Requirement: Word for word, set down every line of the entries below from the line with "#121=IFCINDEXEDPOLYGONALFACE((5,21,22,6));" to the line with "#126=IFCINDEXEDPOLYGONALFACE((11,12,28,27));", including both, and no other line.

(Dataset excerpts)
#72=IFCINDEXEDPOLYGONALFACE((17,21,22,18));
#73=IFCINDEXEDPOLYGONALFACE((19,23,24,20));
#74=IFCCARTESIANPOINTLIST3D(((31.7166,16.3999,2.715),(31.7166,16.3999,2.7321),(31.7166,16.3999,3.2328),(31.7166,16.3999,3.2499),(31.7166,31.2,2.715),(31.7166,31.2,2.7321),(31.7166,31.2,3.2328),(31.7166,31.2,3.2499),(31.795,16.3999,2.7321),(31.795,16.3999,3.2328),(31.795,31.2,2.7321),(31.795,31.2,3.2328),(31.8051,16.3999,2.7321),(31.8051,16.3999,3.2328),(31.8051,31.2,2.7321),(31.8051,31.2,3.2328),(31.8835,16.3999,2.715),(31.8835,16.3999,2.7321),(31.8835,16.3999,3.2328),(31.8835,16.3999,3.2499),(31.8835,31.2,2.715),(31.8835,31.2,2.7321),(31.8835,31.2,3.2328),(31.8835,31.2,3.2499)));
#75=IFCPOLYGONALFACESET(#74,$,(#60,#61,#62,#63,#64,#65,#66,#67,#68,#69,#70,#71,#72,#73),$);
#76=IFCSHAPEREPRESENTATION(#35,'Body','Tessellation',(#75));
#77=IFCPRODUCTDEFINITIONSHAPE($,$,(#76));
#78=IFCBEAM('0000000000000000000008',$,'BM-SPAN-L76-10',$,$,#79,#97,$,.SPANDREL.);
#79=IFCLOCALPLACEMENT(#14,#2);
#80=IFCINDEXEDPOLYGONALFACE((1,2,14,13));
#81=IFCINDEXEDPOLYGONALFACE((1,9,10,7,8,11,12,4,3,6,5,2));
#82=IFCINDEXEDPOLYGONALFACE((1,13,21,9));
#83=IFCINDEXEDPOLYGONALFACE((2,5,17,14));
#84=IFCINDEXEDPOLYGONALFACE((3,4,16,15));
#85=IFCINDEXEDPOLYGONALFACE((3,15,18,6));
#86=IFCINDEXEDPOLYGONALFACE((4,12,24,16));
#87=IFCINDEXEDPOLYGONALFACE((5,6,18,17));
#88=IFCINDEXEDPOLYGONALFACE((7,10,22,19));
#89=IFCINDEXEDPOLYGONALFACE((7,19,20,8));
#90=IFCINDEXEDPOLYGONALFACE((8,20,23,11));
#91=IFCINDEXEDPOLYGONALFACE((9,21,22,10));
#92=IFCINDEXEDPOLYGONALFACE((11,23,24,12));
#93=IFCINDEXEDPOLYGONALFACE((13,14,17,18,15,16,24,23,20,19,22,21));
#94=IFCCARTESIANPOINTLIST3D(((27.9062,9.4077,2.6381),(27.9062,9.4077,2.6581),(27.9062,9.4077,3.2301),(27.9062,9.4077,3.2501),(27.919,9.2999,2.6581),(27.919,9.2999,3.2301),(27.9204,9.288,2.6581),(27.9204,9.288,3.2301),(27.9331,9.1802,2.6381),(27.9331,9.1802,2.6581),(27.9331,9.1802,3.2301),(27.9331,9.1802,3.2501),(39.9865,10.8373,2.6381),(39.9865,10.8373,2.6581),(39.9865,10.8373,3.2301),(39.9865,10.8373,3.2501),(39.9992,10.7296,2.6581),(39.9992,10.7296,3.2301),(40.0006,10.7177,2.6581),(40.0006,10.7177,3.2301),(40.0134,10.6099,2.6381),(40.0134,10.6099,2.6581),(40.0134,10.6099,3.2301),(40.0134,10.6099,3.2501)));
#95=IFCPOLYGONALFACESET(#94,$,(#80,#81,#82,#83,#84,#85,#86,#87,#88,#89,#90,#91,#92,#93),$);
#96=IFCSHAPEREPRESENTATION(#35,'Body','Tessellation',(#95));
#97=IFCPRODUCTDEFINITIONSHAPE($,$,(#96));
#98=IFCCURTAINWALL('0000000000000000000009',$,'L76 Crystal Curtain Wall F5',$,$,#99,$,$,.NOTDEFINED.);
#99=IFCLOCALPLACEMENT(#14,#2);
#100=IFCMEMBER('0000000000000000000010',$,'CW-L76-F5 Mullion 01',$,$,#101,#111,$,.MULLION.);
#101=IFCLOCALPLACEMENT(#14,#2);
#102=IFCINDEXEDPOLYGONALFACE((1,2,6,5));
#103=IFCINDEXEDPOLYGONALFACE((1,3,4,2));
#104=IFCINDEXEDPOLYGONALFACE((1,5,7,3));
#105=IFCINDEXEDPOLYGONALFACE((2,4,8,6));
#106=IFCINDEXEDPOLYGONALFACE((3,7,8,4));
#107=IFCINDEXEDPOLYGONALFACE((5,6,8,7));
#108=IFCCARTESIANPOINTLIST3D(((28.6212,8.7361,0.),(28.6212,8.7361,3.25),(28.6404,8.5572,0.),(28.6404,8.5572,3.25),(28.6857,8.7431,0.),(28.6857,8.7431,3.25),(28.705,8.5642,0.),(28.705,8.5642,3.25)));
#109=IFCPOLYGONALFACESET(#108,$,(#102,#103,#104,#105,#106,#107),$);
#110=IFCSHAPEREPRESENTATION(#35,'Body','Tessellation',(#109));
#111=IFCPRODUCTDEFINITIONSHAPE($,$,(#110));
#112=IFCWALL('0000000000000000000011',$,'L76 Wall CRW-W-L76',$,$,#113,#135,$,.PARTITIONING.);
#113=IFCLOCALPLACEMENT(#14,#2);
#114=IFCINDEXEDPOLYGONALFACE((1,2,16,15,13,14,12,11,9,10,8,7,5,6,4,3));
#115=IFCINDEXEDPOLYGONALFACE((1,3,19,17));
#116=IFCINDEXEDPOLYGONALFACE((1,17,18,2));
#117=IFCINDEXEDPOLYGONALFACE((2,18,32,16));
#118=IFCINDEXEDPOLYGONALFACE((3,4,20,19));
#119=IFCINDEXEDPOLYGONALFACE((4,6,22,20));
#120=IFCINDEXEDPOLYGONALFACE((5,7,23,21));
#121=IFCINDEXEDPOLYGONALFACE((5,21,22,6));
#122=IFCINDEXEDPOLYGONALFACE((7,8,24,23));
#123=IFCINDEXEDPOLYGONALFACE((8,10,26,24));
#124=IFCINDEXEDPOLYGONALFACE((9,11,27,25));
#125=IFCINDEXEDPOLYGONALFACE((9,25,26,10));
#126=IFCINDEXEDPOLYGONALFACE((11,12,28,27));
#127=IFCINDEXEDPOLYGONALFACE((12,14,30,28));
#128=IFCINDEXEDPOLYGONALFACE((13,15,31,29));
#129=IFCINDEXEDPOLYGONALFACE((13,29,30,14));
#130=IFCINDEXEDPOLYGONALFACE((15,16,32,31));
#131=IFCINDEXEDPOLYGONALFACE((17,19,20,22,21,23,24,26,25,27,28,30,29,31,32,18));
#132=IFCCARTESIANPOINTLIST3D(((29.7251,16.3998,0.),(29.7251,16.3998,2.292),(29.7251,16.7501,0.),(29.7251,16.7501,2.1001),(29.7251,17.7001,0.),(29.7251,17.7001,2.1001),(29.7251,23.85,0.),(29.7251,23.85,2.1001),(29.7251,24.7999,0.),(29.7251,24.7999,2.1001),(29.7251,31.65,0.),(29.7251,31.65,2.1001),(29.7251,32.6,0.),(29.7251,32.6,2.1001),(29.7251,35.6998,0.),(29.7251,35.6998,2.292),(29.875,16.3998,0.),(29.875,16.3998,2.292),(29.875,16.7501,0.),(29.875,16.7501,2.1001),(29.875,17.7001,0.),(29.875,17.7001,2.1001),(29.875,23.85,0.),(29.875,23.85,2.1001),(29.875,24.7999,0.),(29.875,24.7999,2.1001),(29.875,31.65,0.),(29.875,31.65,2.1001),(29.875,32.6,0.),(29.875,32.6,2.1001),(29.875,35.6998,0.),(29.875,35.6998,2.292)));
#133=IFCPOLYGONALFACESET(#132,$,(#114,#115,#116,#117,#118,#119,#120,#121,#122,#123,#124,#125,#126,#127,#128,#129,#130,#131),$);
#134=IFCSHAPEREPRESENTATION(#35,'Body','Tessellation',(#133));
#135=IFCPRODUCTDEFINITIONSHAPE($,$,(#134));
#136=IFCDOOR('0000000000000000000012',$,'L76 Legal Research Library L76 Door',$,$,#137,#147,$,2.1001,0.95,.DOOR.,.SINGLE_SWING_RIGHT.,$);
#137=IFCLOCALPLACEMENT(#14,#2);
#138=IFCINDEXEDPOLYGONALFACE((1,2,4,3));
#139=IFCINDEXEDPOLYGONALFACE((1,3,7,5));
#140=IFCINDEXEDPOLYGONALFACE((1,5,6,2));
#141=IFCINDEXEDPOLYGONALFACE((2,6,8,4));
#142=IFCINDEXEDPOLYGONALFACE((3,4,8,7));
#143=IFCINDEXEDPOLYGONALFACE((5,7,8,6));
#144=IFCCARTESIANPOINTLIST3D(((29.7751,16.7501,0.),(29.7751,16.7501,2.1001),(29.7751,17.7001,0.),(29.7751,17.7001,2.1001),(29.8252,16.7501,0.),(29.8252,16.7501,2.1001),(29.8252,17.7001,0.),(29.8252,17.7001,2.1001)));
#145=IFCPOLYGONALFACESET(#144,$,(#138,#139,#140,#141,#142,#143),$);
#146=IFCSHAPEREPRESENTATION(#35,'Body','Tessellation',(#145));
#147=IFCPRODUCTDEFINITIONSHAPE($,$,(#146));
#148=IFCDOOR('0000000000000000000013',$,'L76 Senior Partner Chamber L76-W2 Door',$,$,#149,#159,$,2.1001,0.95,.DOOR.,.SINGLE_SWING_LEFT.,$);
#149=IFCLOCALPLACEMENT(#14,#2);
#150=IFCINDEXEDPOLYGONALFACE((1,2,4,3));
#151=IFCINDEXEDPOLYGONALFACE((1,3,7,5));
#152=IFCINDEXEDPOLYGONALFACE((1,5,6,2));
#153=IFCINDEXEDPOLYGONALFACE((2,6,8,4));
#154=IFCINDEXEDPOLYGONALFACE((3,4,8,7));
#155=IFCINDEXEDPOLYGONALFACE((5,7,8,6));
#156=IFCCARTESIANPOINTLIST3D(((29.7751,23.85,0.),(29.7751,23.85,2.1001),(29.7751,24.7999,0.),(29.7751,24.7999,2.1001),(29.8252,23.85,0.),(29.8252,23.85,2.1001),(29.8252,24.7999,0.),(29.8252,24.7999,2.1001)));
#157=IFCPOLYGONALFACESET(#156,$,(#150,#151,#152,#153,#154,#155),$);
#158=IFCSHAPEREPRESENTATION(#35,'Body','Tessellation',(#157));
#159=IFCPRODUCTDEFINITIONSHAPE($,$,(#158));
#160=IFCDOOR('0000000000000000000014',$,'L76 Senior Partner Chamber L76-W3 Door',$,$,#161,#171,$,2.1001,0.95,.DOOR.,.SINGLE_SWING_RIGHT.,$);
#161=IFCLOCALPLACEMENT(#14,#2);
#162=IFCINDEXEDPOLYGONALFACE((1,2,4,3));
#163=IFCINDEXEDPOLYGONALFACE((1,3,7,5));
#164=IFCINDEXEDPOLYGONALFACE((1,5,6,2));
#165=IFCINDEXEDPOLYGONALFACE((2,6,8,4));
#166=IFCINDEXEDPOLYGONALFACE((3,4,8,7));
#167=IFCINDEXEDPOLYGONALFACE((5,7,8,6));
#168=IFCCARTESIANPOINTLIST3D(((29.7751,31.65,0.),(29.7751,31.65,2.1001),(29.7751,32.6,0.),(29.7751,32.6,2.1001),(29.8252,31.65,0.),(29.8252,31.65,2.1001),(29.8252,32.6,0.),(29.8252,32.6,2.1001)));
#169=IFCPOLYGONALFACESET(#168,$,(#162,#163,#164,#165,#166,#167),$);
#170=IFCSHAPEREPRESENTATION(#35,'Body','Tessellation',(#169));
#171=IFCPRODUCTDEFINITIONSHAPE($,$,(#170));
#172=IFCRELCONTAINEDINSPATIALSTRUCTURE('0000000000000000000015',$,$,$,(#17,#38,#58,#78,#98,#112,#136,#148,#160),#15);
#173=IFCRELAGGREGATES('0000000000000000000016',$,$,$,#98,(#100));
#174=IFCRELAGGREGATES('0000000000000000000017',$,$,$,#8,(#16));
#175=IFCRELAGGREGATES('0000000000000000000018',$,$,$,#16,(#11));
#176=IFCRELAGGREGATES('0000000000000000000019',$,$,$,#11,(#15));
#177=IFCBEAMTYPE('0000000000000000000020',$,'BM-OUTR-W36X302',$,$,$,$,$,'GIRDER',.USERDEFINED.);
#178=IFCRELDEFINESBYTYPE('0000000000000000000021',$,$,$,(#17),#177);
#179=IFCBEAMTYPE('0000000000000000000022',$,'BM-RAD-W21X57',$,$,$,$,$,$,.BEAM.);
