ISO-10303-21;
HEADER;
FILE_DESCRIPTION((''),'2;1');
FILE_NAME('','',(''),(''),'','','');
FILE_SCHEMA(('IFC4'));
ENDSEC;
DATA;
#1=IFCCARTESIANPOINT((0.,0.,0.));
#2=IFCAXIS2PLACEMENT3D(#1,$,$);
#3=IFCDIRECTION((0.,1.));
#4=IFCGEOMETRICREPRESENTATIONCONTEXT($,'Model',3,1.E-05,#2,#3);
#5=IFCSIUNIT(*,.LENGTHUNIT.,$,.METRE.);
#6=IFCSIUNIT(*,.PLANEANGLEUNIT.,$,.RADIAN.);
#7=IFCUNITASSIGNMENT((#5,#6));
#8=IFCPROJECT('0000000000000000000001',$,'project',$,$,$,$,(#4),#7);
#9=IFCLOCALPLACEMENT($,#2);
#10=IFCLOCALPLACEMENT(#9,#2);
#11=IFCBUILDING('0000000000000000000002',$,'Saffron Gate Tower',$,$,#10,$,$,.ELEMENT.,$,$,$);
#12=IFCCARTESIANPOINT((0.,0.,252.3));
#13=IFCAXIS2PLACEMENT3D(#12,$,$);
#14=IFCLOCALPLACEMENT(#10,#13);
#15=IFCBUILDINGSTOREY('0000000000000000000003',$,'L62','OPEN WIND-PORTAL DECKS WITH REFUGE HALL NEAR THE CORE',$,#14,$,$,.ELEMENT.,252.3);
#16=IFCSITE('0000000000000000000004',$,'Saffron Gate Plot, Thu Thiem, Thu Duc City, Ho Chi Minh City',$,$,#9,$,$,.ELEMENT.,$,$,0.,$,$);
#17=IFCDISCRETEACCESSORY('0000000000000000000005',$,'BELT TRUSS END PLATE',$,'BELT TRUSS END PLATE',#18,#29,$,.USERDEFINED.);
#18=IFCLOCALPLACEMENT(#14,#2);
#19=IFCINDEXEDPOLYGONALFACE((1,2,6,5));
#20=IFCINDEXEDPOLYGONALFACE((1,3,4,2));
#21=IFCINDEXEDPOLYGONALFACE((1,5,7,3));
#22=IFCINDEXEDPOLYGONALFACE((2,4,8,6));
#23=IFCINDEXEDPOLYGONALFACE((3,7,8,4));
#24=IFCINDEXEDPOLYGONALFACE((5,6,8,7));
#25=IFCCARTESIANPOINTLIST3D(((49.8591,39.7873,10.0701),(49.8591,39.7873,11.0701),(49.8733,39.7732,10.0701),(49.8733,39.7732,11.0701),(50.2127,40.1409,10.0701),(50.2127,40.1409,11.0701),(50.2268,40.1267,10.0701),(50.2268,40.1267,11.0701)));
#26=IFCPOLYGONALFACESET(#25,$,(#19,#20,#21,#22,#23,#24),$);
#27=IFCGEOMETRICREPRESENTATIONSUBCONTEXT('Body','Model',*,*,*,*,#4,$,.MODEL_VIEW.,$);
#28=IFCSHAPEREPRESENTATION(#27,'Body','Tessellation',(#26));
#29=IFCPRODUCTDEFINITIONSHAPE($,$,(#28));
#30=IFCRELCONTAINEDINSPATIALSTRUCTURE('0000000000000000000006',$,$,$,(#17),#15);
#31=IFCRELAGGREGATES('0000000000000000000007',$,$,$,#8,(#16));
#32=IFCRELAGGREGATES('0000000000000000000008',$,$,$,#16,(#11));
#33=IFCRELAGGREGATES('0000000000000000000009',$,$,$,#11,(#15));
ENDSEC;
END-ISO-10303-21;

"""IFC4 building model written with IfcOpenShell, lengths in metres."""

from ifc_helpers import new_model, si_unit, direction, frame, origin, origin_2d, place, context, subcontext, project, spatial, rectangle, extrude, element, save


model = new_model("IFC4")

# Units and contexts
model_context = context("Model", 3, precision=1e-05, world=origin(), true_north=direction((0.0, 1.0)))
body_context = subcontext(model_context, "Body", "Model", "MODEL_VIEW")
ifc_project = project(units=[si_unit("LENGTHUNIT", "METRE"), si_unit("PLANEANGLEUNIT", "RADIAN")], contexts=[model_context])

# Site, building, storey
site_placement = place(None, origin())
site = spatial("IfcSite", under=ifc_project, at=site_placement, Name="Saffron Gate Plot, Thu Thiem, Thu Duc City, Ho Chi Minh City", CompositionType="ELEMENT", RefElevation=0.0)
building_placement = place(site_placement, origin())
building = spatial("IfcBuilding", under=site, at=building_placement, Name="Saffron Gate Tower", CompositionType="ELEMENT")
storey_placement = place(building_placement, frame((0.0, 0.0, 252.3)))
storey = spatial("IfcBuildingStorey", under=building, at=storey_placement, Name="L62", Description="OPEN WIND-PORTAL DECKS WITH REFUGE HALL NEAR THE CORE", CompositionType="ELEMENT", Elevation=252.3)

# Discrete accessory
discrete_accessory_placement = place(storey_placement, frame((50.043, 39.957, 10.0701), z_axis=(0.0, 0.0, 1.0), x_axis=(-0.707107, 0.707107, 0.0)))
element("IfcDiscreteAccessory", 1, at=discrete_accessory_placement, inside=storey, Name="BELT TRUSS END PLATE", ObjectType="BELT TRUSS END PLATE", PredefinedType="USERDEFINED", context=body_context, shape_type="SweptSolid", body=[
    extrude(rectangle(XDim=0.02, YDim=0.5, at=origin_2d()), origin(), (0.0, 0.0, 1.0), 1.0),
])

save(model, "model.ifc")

Exercise output:
#121=IFCINDEXEDPOLYGONALFACE((5,21,22,6));
#122=IFCINDEXEDPOLYGONALFACE((7,8,24,23));
#123=IFCINDEXEDPOLYGONALFACE((8,10,26,24));
#124=IFCINDEXEDPOLYGONALFACE((9,11,27,25));
#125=IFCINDEXEDPOLYGONALFACE((9,25,26,10));
#126=IFCINDEXEDPOLYGONALFACE((11,12,28,27));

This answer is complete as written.